[Dataset entries]
########

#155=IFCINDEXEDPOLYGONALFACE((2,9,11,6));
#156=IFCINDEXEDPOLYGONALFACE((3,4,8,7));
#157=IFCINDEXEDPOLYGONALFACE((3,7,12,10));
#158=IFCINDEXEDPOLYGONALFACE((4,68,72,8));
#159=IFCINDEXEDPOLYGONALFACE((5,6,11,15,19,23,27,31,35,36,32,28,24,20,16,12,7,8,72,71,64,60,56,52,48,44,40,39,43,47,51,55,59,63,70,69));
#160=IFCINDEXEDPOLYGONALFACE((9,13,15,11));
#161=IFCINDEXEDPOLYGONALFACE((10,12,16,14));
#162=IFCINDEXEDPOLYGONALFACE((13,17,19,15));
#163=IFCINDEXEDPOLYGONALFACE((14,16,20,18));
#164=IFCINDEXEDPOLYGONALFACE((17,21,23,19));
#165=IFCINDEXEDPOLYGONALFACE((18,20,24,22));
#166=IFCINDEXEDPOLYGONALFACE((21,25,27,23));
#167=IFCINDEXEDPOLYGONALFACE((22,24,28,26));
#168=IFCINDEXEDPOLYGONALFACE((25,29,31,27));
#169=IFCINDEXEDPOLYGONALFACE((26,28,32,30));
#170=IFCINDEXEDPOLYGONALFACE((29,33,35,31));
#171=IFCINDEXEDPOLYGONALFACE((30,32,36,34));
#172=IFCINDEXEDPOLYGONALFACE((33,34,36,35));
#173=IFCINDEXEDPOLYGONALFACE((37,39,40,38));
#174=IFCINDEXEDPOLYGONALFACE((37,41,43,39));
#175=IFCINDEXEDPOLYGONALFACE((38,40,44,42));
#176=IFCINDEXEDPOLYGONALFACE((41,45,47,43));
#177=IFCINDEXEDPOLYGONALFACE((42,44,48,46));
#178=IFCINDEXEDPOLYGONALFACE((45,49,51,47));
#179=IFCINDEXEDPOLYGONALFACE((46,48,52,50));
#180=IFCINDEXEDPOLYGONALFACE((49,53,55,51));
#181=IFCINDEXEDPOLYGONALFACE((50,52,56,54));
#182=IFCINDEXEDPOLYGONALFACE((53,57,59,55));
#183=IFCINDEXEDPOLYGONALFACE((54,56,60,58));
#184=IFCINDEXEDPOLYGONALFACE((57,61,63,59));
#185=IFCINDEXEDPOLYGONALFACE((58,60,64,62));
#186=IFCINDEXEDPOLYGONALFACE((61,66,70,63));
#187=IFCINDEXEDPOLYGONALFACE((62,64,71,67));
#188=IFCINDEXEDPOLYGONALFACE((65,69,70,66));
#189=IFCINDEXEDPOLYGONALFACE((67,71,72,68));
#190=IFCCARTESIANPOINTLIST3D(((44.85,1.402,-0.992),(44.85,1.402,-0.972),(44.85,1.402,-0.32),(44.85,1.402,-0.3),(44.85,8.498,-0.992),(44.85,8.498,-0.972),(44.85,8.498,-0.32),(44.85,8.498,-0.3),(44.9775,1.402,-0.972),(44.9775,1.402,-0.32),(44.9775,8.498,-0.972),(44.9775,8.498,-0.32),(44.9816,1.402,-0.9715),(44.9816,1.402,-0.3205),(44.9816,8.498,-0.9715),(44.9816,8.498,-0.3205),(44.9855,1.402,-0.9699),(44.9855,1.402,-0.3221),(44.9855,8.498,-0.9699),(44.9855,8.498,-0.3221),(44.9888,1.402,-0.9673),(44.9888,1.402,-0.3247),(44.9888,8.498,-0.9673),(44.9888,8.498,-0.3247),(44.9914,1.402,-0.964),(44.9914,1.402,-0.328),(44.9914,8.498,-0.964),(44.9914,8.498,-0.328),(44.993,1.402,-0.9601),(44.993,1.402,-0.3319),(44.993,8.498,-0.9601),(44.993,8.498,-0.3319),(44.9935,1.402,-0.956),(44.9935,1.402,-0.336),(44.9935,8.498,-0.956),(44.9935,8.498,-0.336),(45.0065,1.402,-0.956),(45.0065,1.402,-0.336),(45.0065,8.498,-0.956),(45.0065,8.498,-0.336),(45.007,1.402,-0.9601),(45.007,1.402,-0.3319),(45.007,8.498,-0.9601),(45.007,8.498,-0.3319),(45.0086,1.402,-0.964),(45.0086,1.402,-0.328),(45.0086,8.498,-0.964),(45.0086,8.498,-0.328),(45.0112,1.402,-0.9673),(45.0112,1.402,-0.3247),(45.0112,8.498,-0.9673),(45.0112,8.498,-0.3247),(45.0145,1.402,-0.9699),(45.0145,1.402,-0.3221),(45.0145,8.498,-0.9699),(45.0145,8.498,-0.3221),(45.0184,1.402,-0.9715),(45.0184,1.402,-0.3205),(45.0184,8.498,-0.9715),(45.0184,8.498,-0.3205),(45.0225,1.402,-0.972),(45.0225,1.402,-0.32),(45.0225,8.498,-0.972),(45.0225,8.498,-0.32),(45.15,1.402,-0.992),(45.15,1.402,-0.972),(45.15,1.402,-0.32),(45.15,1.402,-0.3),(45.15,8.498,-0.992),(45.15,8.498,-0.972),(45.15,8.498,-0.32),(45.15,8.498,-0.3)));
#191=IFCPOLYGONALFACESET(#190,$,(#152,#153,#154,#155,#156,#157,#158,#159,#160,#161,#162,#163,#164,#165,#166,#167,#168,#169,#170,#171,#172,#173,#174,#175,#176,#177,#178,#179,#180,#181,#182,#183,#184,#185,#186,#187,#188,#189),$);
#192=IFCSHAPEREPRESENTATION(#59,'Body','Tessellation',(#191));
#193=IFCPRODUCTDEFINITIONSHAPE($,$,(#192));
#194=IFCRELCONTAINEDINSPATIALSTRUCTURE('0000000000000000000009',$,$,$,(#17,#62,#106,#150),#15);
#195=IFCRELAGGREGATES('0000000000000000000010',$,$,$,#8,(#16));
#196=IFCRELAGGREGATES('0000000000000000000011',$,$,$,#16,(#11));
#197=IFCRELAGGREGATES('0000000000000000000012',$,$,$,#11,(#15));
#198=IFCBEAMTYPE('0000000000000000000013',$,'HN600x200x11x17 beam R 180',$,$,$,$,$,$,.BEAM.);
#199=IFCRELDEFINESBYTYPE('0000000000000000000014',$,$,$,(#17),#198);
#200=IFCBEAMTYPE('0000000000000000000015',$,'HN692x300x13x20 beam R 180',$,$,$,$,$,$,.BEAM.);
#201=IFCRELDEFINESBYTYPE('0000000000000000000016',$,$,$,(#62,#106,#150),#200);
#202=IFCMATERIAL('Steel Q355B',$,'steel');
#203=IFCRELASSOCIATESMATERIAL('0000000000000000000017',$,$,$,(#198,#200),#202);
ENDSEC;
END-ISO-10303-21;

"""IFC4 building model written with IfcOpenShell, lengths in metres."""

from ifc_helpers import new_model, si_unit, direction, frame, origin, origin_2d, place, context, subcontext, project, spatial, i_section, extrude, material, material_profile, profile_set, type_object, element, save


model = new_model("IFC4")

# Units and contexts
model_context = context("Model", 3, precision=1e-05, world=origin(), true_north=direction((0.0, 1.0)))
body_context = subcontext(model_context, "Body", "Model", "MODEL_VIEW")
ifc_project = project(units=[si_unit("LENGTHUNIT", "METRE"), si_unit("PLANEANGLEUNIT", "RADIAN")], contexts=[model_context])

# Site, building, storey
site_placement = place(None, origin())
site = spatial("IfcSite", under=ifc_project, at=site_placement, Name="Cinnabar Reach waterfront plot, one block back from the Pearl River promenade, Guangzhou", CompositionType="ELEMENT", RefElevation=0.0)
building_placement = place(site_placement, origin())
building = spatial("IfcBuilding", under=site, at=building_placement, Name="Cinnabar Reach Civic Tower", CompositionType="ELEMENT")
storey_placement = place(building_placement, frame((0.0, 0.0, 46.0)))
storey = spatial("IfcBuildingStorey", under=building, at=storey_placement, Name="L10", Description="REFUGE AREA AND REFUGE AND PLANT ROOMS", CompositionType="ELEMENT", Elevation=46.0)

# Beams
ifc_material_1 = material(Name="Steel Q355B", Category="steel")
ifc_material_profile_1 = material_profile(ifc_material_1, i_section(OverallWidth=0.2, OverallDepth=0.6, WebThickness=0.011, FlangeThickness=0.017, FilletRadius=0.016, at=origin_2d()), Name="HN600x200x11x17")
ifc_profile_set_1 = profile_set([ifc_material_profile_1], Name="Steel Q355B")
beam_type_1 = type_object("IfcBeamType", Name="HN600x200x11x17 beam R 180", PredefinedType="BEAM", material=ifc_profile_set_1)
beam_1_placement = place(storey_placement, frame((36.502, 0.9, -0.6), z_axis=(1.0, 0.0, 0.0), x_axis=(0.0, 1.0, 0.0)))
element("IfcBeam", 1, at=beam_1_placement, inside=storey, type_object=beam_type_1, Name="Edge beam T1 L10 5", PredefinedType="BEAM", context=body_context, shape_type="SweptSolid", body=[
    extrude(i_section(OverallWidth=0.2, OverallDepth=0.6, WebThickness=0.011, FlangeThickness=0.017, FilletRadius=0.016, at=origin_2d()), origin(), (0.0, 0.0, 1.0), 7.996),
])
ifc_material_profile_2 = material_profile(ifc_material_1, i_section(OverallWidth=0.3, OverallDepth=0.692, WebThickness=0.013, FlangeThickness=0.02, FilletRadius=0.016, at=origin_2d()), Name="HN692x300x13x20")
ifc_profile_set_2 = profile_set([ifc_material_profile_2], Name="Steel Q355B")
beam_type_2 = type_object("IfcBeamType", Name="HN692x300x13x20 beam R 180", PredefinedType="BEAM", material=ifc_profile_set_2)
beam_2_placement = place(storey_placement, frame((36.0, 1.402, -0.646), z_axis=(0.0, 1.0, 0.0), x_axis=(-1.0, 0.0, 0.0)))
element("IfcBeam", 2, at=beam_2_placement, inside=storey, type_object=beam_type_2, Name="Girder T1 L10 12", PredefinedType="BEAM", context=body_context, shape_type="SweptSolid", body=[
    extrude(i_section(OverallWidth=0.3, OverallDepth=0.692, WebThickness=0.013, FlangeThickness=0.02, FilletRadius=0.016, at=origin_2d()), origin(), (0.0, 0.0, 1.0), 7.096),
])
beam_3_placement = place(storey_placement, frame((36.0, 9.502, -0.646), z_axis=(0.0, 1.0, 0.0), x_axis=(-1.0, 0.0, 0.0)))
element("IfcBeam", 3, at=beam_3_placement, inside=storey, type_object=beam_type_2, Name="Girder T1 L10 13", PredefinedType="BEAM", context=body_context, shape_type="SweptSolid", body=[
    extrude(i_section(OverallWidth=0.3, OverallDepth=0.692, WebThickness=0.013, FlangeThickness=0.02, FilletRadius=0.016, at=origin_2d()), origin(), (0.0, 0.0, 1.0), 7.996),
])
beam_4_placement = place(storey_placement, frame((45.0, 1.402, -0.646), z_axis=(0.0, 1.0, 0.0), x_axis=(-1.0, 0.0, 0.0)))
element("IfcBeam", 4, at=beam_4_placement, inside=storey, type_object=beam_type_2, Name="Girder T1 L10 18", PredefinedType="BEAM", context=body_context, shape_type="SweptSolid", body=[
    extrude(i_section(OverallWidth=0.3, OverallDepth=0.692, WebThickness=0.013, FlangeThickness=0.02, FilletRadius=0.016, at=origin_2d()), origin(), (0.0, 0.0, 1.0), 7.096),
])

########

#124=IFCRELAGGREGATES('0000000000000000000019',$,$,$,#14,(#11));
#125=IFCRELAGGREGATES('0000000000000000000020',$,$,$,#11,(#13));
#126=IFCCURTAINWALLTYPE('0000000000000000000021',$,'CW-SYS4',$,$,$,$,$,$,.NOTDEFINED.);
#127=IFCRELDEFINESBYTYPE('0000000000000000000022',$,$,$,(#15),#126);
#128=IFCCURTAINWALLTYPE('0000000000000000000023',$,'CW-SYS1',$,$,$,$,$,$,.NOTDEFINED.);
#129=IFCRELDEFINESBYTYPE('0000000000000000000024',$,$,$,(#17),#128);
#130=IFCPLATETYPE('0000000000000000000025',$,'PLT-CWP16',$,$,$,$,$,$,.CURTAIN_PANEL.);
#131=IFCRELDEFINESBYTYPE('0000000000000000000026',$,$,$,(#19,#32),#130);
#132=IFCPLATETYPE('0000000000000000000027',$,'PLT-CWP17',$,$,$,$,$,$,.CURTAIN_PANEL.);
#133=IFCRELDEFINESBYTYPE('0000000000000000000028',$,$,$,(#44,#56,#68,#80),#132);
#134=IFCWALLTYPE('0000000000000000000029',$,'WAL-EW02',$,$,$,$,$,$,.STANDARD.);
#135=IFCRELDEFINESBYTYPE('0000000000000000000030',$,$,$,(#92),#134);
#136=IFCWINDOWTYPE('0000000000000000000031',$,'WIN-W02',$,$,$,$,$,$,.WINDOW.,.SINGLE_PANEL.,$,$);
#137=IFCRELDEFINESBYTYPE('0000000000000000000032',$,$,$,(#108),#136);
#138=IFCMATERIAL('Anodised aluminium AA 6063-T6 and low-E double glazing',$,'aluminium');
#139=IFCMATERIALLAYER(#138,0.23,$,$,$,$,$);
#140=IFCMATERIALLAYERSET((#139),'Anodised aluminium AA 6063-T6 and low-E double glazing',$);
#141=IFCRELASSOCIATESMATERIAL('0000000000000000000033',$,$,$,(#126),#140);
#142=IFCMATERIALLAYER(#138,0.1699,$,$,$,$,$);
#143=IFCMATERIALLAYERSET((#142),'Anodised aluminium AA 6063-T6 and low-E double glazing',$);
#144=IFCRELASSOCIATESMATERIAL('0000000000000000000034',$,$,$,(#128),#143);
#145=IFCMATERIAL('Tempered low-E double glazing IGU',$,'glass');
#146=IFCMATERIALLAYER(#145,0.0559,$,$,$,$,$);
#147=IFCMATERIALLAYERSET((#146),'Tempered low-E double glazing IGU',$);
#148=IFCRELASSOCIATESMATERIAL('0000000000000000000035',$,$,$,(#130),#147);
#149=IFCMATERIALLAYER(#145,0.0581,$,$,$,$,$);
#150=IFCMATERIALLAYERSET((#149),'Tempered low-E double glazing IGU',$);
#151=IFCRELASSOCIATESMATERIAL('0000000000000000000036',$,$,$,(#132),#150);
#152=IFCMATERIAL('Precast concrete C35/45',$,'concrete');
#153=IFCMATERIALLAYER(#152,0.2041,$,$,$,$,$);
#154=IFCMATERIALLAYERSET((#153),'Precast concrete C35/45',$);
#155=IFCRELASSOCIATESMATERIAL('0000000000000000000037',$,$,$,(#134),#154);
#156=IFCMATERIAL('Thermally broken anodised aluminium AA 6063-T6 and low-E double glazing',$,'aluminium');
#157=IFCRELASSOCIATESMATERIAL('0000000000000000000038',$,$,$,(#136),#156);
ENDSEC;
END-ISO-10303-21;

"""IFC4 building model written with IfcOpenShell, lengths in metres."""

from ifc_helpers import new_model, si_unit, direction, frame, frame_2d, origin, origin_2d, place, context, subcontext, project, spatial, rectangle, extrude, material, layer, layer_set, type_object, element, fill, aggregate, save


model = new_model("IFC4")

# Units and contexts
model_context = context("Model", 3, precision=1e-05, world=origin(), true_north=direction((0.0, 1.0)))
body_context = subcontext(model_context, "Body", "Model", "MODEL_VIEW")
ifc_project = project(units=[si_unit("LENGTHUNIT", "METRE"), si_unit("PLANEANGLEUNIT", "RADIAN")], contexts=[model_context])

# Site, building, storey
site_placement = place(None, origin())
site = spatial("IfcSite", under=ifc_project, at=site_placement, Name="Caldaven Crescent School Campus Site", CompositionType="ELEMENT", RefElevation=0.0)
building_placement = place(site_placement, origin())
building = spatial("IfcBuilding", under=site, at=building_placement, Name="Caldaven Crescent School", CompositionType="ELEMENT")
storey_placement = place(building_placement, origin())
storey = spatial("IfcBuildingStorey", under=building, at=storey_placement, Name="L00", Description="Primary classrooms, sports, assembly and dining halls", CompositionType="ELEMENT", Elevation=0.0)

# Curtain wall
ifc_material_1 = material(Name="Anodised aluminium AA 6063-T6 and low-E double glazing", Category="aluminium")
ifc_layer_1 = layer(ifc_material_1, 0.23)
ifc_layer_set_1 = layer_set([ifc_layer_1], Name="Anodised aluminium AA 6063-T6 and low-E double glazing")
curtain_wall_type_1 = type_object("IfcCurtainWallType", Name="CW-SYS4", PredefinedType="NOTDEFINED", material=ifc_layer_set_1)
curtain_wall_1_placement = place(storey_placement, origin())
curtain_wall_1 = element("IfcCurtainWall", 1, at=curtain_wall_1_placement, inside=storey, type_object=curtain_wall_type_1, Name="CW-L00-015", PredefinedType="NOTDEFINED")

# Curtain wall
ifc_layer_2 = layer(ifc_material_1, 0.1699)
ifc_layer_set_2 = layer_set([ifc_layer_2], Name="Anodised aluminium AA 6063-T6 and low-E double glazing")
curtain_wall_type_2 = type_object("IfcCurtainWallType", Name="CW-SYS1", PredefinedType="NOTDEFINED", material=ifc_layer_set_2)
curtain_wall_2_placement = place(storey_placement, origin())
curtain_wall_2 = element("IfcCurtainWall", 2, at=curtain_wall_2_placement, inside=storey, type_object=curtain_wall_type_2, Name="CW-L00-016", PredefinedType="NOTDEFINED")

########

[WHAT YOU ARE ASKED TO DO]:
Lines that contain "IFCMATERIALLAYERSET" are to be copied from the records above.

[ANSWER BELOW]:
#140=IFCMATERIALLAYERSET((#139),'Anodised aluminium AA 6063-T6 and low-E double glazing',$);
#143=IFCMATERIALLAYERSET((#142),'Anodised aluminium AA 6063-T6 and low-E double glazing',$);
#147=IFCMATERIALLAYERSET((#146),'Tempered low-E double glazing IGU',$);
#150=IFCMATERIALLAYERSET((#149),'Tempered low-E double glazing IGU',$);
#154=IFCMATERIALLAYERSET((#153),'Precast concrete C35/45',$);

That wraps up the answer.